[Your assignment]: Lines holding the word "IFCPRODUCTDEFINITIONSHAPE" are the ones to copy from the data below.

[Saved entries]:
____________________
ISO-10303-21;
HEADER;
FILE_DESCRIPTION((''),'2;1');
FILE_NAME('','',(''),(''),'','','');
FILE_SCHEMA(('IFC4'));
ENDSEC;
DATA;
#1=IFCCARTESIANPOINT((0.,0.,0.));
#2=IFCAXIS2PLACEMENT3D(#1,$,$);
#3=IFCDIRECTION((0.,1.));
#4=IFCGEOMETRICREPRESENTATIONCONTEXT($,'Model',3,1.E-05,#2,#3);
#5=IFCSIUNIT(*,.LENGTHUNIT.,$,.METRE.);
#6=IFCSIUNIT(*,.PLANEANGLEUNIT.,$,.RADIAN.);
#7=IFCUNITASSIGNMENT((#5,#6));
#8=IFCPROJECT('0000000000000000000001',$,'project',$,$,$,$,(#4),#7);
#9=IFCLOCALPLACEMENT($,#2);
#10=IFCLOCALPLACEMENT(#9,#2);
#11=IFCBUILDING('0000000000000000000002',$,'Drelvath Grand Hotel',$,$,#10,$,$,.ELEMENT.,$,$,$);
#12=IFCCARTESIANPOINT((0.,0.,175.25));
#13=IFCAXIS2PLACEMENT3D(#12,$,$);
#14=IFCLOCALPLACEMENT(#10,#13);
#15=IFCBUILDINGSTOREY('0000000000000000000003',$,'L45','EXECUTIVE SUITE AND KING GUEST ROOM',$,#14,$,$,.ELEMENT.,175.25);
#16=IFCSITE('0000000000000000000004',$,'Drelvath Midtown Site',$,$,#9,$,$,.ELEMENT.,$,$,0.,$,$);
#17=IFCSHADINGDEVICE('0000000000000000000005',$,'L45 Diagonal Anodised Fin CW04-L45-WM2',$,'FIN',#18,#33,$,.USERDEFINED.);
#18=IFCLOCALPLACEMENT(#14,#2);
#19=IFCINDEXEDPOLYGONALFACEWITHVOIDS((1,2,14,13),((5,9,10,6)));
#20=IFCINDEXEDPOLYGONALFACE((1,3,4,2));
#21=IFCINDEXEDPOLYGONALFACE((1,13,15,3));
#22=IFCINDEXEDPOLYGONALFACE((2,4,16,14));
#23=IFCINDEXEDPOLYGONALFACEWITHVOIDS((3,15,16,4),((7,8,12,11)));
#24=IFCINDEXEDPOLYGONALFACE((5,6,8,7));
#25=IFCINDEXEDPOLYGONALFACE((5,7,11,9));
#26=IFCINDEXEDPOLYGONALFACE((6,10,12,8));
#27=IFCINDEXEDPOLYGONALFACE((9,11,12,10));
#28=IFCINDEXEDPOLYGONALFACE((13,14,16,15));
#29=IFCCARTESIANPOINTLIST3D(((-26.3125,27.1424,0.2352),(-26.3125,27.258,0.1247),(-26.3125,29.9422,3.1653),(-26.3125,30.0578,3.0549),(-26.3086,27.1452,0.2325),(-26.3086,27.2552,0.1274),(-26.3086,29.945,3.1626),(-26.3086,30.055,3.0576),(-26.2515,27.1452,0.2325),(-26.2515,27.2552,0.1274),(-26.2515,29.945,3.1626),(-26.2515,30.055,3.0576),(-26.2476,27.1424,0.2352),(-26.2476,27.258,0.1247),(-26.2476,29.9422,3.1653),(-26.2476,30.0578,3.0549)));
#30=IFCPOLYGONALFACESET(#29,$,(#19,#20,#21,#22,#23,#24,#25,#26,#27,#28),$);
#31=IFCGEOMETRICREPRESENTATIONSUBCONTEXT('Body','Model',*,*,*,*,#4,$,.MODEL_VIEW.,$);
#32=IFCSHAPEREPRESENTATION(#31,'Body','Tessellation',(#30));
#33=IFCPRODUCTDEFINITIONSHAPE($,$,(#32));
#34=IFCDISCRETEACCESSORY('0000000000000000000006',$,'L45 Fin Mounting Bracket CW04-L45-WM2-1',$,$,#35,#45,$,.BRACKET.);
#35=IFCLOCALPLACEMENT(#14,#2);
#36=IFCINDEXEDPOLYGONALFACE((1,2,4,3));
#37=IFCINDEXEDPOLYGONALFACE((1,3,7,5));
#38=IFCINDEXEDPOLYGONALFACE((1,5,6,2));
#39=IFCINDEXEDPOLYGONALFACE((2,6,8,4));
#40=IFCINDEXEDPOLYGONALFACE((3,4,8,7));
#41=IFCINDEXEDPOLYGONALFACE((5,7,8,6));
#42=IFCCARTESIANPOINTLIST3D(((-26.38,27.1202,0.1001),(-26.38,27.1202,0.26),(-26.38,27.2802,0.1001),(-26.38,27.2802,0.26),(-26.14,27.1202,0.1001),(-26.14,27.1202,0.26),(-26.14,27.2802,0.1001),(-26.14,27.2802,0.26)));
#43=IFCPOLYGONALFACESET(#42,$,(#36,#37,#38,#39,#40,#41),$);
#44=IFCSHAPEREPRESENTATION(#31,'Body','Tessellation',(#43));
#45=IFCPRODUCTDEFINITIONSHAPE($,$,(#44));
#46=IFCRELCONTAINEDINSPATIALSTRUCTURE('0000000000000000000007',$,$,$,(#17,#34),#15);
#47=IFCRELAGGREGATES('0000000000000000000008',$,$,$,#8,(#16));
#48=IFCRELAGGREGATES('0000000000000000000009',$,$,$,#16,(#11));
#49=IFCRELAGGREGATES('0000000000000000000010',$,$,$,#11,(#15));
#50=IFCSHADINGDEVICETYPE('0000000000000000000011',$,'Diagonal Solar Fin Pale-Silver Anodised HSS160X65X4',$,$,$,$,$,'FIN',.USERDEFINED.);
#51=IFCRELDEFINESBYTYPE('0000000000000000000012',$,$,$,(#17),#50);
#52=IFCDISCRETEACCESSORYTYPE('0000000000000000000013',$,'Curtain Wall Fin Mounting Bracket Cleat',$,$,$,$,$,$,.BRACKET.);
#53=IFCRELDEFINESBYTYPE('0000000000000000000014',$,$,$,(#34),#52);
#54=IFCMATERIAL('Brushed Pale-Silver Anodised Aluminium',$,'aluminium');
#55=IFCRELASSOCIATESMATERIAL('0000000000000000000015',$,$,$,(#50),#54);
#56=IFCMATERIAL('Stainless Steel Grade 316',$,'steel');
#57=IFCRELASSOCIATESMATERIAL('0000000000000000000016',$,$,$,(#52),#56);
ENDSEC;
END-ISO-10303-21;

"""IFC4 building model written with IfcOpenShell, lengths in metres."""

from ifc_helpers import new_model, si_unit, direction, frame, origin, origin_2d, place, context, subcontext, project, spatial, rectangle, hollow_rectangle, extrude, material, material_profile, profile_set, type_object, element, save


model = new_model("IFC4")

# Units and contexts
model_context = context("Model", 3, precision=1e-05, world=origin(), true_north=direction((0.0, 1.0)))
body_context = subcontext(model_context, "Body", "Model", "MODEL_VIEW")
ifc_project = project(units=[si_unit("LENGTHUNIT", "METRE"), si_unit("PLANEANGLEUNIT", "RADIAN")], contexts=[model_context])

# Site, building, storey
site_placement = place(None, origin())
site = spatial("IfcSite", under=ifc_project, at=site_placement, Name="Drelvath Midtown Site", CompositionType="ELEMENT", RefElevation=0.0)
building_placement = place(site_placement, origin())
building = spatial("IfcBuilding", under=site, at=building_placement, Name="Drelvath Grand Hotel", CompositionType="ELEMENT")
storey_placement = place(building_placement, frame((0.0, 0.0, 175.25)))
storey = spatial("IfcBuildingStorey", under=building, at=storey_placement, Name="L45", Description="EXECUTIVE SUITE AND KING GUEST ROOM", CompositionType="ELEMENT", Elevation=175.25)

# Shading device
ifc_material_1 = material(Name="Brushed Pale-Silver Anodised Aluminium", Category="aluminium")
ifc_material_profile_1 = material_profile(ifc_material_1, hollow_rectangle(XDim=0.0649, YDim=0.1599, WallThickness=0.0039, at=origin_2d()), Name="HSS160X65X4")
ifc_profile_set_1 = profile_set([ifc_material_profile_1], Name="Brushed Pale-Silver Anodised Aluminium")
shading_device_type = type_object("IfcShadingDeviceType", Name="Diagonal Solar Fin Pale-Silver Anodised HSS160X65X4", ElementType="FIN", PredefinedType="USERDEFINED", material=ifc_profile_set_1)
shading_device_placement = place(storey_placement, frame((-26.28, 27.2002, 0.1799), z_axis=(0.0, 0.69084, 0.723008), x_axis=(-1.0, 0.0, 0.0)))
element("IfcShadingDevice", 1, at=shading_device_placement, inside=storey, type_object=shading_device_type, Name="L45 Diagonal Anodised Fin CW04-L45-WM2", ObjectType="FIN", PredefinedType="USERDEFINED", context=body_context, shape_type="SweptSolid", body=[
    extrude(hollow_rectangle(XDim=0.0649, YDim=0.1599, WallThickness=0.0039, at=origin_2d()), origin(), (0.0, 0.0, 1.0), 4.0527),
])

# Discrete accessory
ifc_material_2 = material(Name="Stainless Steel Grade 316", Category="steel")
discrete_accessory_type = type_object("IfcDiscreteAccessoryType", Name="Curtain Wall Fin Mounting Bracket Cleat", PredefinedType="BRACKET", material=ifc_material_2)
discrete_accessory_placement = place(storey_placement, frame((-26.26, 27.2002, 0.1001), z_axis=(0.0, 0.0, 1.0), x_axis=(0.0, 1.0, 0.0)))
element("IfcDiscreteAccessory", 2, at=discrete_accessory_placement, inside=storey, type_object=discrete_accessory_type, Name="L45 Fin Mounting Bracket CW04-L45-WM2-1", PredefinedType="BRACKET", context=body_context, shape_type="SweptSolid", body=[
    extrude(rectangle(XDim=0.1599, YDim=0.24, at=origin_2d()), origin(), (0.0, 0.0, 1.0), 0.1599),
])

save(model, "model.ifc")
____________________
[Written response]:
#33=IFCPRODUCTDEFINITIONSHAPE($,$,(#32));
#45=IFCPRODUCTDEFINITIONSHAPE($,$,(#44));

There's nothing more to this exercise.